Stored data
■ ■ ■ ■ ■

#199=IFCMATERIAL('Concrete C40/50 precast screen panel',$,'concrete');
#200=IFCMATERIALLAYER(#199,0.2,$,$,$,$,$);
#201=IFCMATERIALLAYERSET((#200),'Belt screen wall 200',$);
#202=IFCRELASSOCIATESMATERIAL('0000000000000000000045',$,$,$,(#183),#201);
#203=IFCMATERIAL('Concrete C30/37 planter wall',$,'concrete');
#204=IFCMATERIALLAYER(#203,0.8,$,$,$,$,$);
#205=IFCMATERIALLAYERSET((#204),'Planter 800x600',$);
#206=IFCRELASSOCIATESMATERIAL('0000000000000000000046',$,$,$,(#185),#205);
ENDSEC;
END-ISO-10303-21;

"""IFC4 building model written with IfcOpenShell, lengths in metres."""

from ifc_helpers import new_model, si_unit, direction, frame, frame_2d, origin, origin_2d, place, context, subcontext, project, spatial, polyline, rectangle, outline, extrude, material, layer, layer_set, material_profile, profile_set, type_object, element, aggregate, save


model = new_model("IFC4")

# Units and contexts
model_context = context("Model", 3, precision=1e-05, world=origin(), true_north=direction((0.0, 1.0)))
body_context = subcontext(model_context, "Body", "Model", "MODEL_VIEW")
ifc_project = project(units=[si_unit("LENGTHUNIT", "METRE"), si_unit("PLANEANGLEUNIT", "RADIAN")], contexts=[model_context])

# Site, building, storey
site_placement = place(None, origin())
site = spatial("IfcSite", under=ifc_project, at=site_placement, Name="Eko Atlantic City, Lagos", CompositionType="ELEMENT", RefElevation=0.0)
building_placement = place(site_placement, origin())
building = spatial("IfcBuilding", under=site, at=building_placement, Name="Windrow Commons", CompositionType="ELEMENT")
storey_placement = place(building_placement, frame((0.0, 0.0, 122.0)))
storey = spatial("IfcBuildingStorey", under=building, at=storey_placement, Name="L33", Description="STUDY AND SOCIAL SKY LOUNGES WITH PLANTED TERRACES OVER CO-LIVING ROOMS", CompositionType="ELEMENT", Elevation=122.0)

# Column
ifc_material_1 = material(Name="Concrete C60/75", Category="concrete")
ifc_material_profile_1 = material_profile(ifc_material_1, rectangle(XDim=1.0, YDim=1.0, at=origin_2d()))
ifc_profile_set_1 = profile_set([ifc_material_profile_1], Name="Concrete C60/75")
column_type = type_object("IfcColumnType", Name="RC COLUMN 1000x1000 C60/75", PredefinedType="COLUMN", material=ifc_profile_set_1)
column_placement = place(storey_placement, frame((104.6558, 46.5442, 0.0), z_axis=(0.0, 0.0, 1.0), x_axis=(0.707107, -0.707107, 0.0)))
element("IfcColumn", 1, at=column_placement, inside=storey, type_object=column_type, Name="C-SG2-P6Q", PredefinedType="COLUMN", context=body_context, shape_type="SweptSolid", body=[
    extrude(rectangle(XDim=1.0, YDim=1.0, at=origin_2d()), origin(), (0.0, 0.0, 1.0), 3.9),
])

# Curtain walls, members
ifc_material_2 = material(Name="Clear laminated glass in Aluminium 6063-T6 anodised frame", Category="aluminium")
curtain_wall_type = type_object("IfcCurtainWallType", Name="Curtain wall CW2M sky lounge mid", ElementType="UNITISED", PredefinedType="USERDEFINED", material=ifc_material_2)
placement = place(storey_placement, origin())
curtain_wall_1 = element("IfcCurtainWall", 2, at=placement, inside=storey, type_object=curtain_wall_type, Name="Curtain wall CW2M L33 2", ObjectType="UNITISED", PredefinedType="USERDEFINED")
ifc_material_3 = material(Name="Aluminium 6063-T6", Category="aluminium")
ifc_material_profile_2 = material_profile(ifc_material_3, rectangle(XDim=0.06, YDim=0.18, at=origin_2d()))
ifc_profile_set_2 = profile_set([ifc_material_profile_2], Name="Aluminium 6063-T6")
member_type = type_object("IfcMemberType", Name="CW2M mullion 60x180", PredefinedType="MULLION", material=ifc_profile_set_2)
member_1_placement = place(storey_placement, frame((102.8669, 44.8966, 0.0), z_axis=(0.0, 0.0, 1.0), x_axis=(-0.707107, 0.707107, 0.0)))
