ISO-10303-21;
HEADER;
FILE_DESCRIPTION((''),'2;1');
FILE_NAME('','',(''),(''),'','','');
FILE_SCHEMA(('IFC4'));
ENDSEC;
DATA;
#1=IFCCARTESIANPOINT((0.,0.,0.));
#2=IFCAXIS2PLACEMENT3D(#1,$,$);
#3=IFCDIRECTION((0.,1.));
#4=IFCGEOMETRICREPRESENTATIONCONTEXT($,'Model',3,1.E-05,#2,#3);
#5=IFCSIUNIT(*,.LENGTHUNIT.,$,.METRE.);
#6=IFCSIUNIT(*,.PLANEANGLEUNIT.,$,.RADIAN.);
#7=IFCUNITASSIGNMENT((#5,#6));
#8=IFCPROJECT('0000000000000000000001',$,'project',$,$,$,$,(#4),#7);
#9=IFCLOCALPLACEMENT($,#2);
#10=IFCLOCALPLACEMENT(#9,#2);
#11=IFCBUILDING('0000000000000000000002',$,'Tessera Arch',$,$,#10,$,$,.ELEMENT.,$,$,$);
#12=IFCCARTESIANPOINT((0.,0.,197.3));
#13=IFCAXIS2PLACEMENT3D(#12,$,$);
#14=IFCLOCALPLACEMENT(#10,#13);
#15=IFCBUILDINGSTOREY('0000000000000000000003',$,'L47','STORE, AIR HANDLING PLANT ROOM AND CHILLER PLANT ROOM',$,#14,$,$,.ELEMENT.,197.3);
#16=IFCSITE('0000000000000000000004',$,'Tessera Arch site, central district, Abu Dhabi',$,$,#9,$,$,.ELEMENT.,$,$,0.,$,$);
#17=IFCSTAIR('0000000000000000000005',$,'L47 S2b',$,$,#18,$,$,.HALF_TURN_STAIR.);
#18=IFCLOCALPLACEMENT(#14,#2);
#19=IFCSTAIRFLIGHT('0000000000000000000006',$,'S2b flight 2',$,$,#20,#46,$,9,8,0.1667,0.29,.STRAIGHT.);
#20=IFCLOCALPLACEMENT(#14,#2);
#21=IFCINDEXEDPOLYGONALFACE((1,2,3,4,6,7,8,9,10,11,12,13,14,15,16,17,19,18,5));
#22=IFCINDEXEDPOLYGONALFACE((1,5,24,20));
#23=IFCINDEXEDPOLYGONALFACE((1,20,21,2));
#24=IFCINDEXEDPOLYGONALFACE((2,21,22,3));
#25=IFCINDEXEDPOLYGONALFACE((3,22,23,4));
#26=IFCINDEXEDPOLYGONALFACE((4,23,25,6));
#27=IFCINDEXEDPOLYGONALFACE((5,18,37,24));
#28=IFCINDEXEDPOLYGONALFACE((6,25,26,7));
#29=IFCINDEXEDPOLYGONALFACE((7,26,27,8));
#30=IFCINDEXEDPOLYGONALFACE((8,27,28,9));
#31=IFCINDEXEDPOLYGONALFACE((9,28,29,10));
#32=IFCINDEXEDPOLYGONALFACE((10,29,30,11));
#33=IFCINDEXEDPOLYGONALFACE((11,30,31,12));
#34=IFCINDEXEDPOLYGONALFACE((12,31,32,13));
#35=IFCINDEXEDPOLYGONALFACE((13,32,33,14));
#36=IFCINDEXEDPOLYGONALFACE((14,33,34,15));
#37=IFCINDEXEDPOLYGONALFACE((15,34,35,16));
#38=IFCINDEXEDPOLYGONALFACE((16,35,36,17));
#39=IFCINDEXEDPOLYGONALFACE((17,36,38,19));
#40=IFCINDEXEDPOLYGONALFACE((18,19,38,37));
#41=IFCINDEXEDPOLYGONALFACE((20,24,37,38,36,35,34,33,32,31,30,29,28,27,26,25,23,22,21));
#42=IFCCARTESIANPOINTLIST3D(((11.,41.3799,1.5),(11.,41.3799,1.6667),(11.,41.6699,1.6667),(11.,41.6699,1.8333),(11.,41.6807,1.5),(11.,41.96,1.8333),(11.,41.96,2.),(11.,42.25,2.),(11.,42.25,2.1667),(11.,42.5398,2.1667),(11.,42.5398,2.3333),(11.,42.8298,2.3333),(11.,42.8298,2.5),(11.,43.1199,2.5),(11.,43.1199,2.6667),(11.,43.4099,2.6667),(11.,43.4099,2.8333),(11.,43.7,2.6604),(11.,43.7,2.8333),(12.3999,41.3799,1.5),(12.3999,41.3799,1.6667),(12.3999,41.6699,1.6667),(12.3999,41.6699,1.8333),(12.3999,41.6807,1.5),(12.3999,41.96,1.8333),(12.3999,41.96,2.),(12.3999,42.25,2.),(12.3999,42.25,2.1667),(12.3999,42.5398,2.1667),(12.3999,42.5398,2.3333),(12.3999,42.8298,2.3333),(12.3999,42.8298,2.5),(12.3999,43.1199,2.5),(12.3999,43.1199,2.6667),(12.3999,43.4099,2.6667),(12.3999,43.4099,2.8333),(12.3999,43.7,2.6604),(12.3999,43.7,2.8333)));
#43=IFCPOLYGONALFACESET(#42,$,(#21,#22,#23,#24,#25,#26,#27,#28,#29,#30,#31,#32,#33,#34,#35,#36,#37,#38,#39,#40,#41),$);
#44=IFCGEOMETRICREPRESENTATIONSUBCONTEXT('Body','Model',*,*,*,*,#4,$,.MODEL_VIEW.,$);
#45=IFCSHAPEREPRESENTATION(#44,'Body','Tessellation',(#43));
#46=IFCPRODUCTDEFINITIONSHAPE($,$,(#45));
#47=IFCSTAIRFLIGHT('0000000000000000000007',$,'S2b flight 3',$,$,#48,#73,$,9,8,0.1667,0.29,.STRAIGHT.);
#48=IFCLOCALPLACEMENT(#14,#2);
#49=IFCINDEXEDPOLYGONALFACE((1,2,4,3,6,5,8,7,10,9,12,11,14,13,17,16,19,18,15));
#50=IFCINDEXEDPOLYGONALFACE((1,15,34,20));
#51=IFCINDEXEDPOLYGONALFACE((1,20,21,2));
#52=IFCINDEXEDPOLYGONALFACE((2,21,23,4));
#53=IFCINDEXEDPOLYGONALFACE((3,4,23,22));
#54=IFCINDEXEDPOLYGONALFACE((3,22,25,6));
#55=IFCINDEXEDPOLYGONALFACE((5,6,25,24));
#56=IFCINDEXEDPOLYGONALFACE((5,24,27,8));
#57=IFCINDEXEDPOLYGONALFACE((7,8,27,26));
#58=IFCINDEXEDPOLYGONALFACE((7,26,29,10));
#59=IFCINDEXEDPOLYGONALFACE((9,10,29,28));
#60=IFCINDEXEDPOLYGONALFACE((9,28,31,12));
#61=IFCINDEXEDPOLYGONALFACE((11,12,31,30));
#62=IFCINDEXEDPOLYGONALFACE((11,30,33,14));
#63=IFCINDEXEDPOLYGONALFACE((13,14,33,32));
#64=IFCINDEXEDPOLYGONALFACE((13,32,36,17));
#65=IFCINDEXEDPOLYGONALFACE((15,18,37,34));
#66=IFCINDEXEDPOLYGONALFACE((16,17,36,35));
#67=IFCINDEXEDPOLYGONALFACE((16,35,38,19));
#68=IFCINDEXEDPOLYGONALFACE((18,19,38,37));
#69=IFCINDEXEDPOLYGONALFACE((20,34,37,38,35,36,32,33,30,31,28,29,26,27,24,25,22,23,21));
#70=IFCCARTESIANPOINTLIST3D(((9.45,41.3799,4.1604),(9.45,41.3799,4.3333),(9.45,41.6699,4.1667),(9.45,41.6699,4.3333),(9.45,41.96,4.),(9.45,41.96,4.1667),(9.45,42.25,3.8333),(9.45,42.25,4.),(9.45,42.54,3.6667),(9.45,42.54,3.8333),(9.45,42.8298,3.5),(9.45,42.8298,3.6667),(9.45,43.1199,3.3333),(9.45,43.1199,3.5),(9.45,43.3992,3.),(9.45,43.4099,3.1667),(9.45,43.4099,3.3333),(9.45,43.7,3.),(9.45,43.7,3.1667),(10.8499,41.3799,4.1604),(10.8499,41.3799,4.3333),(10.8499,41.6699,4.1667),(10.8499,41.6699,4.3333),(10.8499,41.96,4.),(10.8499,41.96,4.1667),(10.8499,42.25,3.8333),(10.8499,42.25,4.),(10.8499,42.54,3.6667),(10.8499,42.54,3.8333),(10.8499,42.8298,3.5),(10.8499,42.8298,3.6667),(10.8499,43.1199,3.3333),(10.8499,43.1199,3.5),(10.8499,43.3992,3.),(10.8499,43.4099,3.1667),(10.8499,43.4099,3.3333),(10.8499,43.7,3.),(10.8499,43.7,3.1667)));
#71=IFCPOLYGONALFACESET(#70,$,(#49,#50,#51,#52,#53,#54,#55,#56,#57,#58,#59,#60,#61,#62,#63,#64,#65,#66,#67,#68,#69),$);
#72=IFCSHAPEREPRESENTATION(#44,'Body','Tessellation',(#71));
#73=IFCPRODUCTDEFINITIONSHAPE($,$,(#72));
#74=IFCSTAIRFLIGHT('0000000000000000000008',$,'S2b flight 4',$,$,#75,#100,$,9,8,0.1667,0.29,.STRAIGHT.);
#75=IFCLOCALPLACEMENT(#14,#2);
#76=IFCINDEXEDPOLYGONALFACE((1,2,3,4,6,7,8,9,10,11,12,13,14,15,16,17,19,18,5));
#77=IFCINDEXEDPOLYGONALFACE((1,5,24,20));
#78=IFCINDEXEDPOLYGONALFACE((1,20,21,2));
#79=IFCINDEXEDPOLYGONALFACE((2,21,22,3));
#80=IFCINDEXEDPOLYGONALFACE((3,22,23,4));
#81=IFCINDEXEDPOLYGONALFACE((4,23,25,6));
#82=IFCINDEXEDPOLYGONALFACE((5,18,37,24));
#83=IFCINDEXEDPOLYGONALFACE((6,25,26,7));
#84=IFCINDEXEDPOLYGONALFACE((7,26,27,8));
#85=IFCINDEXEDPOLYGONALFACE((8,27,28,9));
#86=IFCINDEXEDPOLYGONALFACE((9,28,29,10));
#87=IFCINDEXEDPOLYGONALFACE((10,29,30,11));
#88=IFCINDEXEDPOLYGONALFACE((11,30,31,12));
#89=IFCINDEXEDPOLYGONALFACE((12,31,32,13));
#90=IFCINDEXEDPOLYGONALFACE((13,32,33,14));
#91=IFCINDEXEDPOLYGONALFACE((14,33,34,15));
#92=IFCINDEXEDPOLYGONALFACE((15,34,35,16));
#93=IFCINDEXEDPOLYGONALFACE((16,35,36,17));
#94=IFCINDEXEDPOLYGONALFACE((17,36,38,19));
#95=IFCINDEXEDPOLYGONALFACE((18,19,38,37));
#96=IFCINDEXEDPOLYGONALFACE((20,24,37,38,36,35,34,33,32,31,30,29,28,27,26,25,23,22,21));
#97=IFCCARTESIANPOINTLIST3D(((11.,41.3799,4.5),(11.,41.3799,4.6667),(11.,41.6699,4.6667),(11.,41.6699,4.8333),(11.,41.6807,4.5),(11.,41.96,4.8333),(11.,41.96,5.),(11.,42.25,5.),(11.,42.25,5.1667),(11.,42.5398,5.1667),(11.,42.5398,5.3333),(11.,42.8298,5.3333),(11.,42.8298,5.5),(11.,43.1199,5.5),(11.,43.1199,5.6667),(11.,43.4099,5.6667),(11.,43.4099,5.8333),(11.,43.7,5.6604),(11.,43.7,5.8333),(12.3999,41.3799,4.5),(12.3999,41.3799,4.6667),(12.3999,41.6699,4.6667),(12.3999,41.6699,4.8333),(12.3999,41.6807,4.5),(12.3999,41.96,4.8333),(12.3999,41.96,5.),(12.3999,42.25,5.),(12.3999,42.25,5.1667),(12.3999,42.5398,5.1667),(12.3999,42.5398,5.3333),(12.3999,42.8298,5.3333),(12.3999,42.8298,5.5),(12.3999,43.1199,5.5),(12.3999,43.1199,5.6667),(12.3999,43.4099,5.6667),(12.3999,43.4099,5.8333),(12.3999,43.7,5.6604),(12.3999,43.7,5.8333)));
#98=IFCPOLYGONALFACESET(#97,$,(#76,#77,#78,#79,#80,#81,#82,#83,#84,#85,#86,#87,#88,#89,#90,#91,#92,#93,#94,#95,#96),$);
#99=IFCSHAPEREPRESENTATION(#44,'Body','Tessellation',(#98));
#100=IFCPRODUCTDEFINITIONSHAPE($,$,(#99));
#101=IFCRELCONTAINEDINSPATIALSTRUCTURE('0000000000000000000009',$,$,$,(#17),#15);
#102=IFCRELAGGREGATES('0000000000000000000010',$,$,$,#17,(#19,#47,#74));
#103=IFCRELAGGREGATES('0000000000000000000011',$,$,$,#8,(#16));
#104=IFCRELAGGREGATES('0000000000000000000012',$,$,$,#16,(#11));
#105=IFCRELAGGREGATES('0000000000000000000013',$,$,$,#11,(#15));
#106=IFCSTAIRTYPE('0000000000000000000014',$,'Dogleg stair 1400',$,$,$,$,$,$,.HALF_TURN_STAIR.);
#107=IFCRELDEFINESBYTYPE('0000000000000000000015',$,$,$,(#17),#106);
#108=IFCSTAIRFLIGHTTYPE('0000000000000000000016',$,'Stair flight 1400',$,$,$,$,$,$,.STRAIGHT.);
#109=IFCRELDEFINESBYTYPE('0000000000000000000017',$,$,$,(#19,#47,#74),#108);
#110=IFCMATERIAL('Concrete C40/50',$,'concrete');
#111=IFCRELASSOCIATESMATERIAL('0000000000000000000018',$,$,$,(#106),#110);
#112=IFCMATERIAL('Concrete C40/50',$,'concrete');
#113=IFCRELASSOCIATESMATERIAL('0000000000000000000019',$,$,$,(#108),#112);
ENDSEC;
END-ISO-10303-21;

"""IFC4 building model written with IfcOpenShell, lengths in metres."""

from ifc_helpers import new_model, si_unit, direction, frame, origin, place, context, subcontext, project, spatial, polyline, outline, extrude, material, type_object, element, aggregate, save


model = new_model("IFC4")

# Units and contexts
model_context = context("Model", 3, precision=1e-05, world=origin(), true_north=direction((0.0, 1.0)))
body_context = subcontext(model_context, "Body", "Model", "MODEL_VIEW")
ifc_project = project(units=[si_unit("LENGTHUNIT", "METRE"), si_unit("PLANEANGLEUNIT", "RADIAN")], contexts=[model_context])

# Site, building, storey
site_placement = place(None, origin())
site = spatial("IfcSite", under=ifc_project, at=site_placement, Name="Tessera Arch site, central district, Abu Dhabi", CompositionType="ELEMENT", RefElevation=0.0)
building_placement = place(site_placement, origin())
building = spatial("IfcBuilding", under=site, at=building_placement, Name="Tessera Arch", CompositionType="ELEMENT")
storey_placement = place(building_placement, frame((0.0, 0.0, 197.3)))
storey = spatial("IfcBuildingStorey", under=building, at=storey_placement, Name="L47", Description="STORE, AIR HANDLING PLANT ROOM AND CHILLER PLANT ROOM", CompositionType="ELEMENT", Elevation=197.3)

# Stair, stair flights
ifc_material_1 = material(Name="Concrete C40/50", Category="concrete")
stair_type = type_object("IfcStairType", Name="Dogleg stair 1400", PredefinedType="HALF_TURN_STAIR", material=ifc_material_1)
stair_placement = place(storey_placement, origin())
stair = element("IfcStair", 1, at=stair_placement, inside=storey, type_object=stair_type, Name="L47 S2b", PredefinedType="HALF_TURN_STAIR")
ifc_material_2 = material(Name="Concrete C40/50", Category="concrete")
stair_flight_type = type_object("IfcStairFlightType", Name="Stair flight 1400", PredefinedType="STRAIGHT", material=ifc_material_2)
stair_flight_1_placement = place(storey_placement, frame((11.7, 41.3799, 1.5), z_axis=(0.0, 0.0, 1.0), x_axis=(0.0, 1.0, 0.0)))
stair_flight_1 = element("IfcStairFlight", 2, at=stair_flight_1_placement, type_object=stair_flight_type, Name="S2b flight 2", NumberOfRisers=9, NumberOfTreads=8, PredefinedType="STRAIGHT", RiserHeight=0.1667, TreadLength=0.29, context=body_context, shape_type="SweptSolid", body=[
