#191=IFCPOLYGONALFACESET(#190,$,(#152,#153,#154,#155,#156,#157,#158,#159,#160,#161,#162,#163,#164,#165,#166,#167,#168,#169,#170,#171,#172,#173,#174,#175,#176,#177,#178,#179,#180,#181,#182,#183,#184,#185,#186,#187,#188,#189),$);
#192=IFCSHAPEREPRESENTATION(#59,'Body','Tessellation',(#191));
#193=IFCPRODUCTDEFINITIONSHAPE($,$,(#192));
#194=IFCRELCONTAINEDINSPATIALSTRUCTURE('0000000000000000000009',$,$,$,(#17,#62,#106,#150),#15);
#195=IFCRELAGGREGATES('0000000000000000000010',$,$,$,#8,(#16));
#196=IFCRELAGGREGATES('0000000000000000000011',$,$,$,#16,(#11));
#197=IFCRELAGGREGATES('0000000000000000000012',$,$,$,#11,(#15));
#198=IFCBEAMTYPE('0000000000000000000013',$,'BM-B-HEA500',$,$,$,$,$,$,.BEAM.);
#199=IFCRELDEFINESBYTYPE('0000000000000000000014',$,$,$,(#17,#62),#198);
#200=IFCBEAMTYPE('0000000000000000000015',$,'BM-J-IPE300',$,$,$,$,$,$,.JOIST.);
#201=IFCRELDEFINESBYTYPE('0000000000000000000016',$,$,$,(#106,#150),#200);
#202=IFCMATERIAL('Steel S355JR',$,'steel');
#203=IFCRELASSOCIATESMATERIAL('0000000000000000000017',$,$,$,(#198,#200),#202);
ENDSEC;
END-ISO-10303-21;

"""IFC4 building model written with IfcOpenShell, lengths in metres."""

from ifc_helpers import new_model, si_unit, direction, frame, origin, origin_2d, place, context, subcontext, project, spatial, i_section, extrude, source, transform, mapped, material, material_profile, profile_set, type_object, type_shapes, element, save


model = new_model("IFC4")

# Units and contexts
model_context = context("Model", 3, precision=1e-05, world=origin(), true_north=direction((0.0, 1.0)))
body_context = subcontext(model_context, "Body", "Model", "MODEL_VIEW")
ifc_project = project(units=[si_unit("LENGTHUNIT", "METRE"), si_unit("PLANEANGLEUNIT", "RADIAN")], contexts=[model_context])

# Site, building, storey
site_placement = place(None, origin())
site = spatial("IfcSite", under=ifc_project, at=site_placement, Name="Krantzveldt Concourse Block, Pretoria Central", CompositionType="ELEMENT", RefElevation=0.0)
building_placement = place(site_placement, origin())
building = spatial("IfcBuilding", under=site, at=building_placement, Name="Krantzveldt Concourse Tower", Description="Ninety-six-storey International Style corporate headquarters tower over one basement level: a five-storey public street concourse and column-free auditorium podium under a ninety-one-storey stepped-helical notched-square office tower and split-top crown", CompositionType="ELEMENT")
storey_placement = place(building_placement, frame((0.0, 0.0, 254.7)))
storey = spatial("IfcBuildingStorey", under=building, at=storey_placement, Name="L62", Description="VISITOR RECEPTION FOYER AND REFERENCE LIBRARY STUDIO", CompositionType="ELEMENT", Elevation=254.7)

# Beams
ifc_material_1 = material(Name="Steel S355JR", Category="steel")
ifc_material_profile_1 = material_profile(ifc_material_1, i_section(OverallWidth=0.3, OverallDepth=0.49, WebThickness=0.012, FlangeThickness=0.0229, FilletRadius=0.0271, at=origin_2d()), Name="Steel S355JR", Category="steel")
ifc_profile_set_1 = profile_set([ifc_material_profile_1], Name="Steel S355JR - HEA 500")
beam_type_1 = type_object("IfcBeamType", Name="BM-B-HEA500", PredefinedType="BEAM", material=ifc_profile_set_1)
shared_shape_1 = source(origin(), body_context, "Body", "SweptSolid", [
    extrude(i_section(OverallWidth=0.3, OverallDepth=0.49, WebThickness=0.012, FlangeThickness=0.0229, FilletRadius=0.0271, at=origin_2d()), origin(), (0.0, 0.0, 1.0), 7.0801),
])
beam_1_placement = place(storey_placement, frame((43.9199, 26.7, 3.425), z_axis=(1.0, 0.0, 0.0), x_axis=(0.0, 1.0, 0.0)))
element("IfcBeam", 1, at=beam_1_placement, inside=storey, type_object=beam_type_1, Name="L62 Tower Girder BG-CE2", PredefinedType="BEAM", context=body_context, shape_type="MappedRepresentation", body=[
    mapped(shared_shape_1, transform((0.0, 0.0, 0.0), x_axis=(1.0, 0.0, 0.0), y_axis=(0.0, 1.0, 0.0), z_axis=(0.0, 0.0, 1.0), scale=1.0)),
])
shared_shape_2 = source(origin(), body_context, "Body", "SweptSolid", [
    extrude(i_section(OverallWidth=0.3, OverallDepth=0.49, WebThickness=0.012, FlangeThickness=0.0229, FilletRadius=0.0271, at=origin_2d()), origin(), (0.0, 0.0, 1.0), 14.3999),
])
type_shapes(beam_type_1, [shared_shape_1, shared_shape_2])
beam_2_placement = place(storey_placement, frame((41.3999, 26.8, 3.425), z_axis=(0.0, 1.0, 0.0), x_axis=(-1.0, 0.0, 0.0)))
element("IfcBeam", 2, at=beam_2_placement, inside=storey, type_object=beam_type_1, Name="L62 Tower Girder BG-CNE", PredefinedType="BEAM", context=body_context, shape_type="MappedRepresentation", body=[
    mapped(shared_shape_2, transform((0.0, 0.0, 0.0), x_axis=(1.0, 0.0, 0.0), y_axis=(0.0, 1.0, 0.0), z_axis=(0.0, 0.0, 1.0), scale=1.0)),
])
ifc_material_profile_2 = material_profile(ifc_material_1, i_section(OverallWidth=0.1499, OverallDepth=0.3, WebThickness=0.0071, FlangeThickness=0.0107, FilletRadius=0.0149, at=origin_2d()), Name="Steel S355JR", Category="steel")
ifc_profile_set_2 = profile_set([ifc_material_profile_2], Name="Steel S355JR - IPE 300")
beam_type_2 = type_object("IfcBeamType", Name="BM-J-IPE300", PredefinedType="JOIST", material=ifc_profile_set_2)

■ ■ ■ ■ ■

List each line of the entries that holds the string "IFCRELCONTAINEDINSPATIALSTRUCTURE".

** Output below **
#101=IFCRELCONTAINEDINSPATIALSTRUCTURE('0000000000000000000009',$,$,$,(#17),#15);
#194=IFCRELCONTAINEDINSPATIALSTRUCTURE('0000000000000000000009',$,$,$,(#17,#62,#106,#150),#15);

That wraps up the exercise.